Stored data

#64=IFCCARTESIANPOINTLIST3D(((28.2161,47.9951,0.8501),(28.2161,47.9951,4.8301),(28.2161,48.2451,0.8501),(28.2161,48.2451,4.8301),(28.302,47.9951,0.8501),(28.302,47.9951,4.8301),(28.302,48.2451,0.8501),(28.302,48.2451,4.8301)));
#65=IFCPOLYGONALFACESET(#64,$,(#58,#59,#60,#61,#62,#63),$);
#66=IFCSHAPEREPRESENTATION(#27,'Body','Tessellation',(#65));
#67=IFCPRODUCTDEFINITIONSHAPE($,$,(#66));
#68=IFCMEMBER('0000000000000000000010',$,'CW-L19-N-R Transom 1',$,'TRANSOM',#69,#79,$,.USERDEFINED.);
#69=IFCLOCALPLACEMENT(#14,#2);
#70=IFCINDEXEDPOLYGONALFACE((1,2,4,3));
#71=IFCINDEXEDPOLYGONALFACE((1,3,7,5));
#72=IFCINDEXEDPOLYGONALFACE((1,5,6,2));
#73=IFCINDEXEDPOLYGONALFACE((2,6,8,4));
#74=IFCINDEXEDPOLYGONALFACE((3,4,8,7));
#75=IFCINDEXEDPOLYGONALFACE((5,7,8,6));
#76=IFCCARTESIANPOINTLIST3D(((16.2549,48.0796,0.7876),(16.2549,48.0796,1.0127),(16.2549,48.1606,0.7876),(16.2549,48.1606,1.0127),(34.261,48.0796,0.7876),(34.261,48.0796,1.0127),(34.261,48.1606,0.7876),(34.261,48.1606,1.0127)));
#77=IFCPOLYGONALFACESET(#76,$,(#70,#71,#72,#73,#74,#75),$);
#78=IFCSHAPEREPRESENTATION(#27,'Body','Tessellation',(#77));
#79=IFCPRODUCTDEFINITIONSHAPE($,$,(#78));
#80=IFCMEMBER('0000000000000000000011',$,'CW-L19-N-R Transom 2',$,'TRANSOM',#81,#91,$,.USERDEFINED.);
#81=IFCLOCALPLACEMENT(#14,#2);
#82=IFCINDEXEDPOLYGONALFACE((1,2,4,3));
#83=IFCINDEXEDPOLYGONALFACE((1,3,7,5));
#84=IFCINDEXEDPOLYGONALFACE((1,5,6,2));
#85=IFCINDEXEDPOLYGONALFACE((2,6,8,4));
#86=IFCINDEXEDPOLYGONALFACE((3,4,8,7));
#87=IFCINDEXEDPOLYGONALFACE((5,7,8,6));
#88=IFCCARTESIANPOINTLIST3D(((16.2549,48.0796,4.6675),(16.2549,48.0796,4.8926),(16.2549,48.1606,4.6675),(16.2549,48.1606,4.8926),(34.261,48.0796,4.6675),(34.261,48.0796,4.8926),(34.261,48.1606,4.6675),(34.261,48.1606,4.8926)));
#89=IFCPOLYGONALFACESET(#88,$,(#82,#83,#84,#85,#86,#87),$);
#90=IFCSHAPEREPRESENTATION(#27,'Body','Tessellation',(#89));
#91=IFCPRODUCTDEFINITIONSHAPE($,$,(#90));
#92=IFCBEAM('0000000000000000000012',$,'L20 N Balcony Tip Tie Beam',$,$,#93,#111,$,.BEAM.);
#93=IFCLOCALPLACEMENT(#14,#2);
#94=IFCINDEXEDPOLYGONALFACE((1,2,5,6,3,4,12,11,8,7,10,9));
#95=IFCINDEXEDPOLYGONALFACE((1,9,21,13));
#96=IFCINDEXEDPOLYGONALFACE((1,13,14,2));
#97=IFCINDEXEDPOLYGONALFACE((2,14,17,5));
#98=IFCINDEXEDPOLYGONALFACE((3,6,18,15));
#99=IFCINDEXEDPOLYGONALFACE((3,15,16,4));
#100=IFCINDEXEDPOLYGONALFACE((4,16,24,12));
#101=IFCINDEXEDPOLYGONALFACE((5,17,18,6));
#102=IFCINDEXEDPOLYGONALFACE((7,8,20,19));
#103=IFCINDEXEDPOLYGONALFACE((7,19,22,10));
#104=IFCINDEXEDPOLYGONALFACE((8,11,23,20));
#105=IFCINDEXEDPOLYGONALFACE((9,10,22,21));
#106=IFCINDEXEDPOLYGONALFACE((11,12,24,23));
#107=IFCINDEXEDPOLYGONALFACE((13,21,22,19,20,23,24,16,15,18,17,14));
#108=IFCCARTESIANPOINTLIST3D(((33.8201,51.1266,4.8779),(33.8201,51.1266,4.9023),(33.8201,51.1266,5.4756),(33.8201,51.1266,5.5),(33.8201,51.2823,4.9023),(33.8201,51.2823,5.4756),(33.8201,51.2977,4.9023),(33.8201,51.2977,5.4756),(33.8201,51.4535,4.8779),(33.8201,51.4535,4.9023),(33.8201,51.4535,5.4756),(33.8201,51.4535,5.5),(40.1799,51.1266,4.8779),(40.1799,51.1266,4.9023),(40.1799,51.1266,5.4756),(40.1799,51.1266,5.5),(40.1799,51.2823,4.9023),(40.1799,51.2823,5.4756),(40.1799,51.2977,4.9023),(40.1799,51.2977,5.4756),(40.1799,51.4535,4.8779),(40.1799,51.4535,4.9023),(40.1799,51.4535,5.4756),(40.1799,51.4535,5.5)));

*ABOUT THIS EXERCISE:*
Go through the lines above and count those with the string "USERDEFINED". Reply with the count and nothing more.

*TASK SOLUTION:*
2